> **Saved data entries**
***
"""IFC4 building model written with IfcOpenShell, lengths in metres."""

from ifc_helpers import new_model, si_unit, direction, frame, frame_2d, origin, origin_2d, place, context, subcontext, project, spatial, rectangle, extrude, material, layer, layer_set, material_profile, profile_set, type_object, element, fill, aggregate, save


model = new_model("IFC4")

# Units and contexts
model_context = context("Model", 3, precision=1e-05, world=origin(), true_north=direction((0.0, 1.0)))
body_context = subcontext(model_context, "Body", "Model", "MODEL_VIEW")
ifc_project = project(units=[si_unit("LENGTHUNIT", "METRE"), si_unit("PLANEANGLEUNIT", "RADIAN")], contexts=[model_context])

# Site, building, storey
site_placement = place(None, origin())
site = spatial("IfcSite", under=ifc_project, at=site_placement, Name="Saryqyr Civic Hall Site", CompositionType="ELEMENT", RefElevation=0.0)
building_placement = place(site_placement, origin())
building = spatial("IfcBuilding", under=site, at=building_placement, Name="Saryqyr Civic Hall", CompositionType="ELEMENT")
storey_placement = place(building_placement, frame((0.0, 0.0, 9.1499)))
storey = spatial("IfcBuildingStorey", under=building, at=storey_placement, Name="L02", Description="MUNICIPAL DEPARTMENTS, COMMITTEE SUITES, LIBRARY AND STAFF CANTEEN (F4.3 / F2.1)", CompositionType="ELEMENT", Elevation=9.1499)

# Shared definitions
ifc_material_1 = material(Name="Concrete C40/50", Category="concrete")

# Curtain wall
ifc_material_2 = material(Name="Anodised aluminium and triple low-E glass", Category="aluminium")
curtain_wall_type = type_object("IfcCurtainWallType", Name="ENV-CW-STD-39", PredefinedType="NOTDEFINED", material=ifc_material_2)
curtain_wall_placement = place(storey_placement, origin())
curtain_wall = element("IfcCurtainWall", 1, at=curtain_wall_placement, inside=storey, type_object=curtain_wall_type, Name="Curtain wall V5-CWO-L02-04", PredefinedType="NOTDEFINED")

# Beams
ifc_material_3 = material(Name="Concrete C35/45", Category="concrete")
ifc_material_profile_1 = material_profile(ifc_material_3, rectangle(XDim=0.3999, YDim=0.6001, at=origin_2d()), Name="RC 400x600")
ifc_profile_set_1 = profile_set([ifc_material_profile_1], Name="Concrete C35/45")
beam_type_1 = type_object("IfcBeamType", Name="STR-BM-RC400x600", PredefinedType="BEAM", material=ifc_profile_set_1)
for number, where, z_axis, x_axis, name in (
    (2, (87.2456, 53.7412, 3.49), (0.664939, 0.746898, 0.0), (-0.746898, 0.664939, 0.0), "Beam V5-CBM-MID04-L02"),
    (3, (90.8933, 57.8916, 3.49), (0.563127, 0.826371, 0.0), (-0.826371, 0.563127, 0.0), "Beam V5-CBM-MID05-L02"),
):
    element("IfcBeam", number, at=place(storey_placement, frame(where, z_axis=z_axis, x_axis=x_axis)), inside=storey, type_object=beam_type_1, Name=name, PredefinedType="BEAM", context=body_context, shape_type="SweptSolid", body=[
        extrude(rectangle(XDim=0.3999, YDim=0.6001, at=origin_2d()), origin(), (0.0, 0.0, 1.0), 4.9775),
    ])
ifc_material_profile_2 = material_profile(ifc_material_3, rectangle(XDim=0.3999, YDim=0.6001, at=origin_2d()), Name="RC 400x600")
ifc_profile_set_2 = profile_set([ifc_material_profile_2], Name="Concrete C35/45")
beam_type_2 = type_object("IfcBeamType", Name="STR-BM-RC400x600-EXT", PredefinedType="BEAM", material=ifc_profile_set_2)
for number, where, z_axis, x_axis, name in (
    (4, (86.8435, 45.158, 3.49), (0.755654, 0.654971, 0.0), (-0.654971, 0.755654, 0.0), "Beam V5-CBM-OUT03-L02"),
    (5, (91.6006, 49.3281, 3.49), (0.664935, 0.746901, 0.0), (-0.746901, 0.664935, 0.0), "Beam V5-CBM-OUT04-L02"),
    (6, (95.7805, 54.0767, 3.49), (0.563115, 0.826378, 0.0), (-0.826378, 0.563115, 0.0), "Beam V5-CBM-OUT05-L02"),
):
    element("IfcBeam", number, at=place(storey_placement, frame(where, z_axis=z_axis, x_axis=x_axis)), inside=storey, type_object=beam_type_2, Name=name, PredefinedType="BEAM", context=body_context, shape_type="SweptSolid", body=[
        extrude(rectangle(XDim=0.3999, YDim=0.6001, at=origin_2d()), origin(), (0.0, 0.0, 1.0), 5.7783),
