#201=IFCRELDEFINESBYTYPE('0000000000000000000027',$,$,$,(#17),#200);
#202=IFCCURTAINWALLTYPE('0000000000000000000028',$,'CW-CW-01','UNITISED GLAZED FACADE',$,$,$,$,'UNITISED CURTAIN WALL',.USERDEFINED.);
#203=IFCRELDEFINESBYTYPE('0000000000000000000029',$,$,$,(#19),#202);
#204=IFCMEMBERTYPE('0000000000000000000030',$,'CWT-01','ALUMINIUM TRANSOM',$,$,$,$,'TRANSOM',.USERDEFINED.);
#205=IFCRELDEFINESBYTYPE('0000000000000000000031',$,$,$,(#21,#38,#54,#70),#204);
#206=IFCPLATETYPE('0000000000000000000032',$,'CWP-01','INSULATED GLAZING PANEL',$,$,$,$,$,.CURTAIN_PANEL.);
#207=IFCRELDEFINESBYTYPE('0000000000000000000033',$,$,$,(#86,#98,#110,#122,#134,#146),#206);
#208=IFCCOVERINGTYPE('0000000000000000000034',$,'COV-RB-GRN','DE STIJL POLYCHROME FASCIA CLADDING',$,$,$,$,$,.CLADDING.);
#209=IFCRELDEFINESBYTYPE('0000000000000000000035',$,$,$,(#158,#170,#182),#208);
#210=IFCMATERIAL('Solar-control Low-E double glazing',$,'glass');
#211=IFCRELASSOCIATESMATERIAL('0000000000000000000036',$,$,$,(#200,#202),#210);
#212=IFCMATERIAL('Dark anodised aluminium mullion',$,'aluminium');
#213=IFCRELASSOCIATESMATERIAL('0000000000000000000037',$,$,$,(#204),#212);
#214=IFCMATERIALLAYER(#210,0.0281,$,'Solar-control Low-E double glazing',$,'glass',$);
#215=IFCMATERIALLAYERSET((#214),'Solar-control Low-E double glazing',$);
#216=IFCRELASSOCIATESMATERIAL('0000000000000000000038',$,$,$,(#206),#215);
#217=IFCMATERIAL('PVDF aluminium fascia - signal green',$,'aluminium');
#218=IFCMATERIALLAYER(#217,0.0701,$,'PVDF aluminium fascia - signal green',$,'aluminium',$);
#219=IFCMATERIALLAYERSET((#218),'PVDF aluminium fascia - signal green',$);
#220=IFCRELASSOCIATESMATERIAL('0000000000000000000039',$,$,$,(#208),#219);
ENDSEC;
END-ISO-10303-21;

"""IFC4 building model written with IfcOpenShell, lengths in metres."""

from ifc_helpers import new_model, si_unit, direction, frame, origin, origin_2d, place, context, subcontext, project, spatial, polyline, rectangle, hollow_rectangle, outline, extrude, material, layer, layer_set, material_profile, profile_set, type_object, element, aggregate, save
***
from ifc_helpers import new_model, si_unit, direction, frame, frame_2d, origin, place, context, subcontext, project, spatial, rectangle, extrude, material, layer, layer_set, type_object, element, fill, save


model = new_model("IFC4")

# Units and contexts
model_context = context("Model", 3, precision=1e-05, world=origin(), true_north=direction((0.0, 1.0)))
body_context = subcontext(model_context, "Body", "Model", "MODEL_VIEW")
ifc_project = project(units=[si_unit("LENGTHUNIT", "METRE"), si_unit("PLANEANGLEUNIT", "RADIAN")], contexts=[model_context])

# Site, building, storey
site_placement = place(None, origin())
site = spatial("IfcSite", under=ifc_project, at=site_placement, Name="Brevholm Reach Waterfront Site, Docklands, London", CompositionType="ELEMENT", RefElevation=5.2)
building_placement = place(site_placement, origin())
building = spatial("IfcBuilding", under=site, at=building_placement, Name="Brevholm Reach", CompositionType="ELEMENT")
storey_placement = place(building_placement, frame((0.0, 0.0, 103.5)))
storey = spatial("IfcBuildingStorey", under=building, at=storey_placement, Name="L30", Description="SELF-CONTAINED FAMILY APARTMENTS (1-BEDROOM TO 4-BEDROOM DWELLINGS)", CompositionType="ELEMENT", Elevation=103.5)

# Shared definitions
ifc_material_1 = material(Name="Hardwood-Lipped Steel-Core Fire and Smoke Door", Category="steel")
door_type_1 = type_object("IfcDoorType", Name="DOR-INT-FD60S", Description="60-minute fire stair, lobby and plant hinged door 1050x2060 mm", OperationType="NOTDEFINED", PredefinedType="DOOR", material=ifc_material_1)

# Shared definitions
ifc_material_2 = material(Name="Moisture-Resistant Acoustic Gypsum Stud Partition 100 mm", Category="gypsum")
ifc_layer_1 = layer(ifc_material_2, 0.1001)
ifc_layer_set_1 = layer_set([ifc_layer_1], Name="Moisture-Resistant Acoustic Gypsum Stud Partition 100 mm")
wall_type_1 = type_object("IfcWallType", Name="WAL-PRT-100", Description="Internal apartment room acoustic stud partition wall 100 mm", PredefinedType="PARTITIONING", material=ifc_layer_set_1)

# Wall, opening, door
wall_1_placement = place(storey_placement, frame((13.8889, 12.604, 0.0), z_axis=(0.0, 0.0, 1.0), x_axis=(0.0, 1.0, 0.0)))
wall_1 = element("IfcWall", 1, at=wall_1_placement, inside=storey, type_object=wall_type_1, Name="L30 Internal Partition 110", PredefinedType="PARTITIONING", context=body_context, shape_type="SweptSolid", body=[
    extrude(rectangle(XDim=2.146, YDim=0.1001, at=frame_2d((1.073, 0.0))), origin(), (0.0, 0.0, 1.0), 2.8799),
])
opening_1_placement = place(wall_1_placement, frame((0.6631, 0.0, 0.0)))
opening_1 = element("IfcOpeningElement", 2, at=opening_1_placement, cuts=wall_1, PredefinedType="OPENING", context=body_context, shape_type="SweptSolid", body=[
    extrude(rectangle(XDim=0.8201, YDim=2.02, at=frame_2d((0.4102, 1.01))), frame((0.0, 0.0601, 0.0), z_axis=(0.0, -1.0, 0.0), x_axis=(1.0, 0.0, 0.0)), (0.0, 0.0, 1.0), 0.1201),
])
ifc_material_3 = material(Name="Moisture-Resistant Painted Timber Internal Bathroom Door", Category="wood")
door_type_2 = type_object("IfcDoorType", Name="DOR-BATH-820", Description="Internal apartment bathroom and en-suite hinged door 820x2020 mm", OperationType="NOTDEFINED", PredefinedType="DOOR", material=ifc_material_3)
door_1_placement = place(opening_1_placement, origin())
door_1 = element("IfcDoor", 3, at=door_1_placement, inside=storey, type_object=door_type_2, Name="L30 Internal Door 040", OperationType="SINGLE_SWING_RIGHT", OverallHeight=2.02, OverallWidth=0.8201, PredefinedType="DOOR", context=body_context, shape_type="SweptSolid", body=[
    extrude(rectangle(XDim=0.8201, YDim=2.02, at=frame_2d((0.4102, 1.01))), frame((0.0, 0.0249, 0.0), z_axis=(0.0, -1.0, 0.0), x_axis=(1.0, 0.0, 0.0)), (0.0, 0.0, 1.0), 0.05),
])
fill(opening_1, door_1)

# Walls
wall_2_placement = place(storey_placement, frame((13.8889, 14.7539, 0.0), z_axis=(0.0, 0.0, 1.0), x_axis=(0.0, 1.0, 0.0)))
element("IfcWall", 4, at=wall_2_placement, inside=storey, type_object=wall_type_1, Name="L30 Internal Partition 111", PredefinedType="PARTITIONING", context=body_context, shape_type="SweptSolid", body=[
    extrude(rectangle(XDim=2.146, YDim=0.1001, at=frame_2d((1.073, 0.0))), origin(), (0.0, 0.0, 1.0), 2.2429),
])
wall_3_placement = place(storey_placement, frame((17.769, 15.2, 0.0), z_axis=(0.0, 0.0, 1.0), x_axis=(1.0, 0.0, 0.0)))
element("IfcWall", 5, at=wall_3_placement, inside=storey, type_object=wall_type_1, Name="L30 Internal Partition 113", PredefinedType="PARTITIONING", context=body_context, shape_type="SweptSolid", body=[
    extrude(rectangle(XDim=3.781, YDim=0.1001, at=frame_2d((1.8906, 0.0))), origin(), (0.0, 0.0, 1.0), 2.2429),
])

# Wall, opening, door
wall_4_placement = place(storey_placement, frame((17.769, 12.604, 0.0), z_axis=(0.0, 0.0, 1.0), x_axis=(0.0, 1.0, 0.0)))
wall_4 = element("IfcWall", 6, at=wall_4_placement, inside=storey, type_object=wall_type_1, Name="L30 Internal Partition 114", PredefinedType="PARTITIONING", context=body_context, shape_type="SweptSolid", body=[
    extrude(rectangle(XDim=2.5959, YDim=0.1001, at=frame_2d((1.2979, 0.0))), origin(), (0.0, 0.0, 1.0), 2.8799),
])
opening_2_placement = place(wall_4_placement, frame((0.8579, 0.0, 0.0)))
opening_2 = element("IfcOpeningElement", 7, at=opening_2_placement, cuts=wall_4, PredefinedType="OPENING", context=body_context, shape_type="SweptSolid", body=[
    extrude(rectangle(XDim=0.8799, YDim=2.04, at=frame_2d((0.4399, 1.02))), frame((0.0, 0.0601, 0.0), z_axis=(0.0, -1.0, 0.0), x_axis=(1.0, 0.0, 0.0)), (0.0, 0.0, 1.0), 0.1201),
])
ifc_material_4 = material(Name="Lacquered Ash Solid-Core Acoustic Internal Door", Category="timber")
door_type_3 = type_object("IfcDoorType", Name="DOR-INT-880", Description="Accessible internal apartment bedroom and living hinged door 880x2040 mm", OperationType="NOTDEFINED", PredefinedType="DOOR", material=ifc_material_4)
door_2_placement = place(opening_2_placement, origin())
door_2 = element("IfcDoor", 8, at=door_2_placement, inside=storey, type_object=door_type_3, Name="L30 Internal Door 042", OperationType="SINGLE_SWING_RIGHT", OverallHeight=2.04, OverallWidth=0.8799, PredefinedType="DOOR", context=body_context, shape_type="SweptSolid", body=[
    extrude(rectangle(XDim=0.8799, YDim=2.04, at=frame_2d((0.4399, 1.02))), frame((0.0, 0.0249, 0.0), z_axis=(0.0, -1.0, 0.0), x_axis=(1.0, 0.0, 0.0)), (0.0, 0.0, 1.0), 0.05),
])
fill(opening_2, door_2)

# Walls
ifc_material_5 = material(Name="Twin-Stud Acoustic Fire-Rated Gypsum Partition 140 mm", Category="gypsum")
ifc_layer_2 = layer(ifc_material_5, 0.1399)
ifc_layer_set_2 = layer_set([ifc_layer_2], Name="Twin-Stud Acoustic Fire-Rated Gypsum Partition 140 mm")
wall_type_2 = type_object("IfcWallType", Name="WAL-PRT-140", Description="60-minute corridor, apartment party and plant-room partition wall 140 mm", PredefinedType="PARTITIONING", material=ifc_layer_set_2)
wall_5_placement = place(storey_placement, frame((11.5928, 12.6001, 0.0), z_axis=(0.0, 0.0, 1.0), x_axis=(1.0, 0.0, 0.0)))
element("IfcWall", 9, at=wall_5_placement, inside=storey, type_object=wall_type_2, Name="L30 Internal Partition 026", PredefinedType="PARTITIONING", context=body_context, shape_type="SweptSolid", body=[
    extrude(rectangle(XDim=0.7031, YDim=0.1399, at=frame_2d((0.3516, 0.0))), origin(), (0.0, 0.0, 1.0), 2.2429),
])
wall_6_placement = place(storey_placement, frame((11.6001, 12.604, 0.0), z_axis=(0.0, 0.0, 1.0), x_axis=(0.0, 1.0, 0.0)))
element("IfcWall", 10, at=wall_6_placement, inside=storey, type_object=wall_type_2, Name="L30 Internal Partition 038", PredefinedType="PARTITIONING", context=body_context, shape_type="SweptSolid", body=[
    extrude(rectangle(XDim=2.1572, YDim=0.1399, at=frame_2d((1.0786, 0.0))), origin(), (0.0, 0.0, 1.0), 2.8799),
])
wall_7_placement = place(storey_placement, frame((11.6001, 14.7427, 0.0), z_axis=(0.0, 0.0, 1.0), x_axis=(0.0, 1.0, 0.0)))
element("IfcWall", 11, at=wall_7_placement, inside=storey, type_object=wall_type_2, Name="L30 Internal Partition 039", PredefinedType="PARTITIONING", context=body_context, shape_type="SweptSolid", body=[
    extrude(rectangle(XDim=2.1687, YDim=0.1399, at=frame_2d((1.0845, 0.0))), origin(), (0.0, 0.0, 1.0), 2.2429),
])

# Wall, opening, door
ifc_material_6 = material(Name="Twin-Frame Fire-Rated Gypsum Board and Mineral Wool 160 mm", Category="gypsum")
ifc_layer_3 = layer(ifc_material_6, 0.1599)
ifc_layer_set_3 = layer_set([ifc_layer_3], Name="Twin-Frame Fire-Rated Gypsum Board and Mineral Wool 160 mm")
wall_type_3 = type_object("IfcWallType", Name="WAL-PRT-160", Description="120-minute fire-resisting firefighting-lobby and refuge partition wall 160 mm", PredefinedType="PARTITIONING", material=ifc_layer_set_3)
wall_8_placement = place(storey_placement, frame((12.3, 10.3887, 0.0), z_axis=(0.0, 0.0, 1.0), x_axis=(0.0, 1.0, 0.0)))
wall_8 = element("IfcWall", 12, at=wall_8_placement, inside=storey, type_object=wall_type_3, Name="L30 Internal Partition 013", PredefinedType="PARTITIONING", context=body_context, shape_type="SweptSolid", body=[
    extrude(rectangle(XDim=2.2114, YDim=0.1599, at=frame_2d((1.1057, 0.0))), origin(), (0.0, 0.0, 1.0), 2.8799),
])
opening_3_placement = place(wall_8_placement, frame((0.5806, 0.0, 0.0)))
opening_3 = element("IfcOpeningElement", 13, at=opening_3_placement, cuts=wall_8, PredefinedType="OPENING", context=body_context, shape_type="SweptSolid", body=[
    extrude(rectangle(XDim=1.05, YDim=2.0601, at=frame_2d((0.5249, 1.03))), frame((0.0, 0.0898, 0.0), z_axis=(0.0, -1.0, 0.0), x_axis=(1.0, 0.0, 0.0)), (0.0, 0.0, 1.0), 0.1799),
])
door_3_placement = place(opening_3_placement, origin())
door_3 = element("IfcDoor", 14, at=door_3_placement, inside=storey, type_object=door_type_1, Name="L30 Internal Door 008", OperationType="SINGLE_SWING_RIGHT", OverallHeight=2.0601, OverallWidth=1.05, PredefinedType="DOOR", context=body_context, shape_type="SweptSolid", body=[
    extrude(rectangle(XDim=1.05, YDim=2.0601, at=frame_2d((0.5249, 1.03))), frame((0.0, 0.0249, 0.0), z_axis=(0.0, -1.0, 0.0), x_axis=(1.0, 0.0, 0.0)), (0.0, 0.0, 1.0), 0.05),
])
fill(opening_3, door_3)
***
> **Task to carry out**
Above are the records; from them, give again exactly the lines from the one containing "ifc_layer_1 = layer(ifc_material_2, 0.1001)" to the one containing "frame((0.6631, 0.0, 0.0)))", both lines included, and nothing more.

> **Solution for this task**
ifc_layer_1 = layer(ifc_material_2, 0.1001)
ifc_layer_set_1 = layer_set([ifc_layer_1], Name="Moisture-Resistant Acoustic Gypsum Stud Partition 100 mm")
wall_type_1 = type_object("IfcWallType", Name="WAL-PRT-100", Description="Internal apartment room acoustic stud partition wall 100 mm", PredefinedType="PARTITIONING", material=ifc_layer_set_1)

# Wall, opening, door
wall_1_placement = place(storey_placement, frame((13.8889, 12.604, 0.0), z_axis=(0.0, 0.0, 1.0), x_axis=(0.0, 1.0, 0.0)))
wall_1 = element("IfcWall", 1, at=wall_1_placement, inside=storey, type_object=wall_type_1, Name="L30 Internal Partition 110", PredefinedType="PARTITIONING", context=body_context, shape_type="SweptSolid", body=[
    extrude(rectangle(XDim=2.146, YDim=0.1001, at=frame_2d((1.073, 0.0))), origin(), (0.0, 0.0, 1.0), 2.8799),
])
opening_1_placement = place(wall_1_placement, frame((0.6631, 0.0, 0.0)))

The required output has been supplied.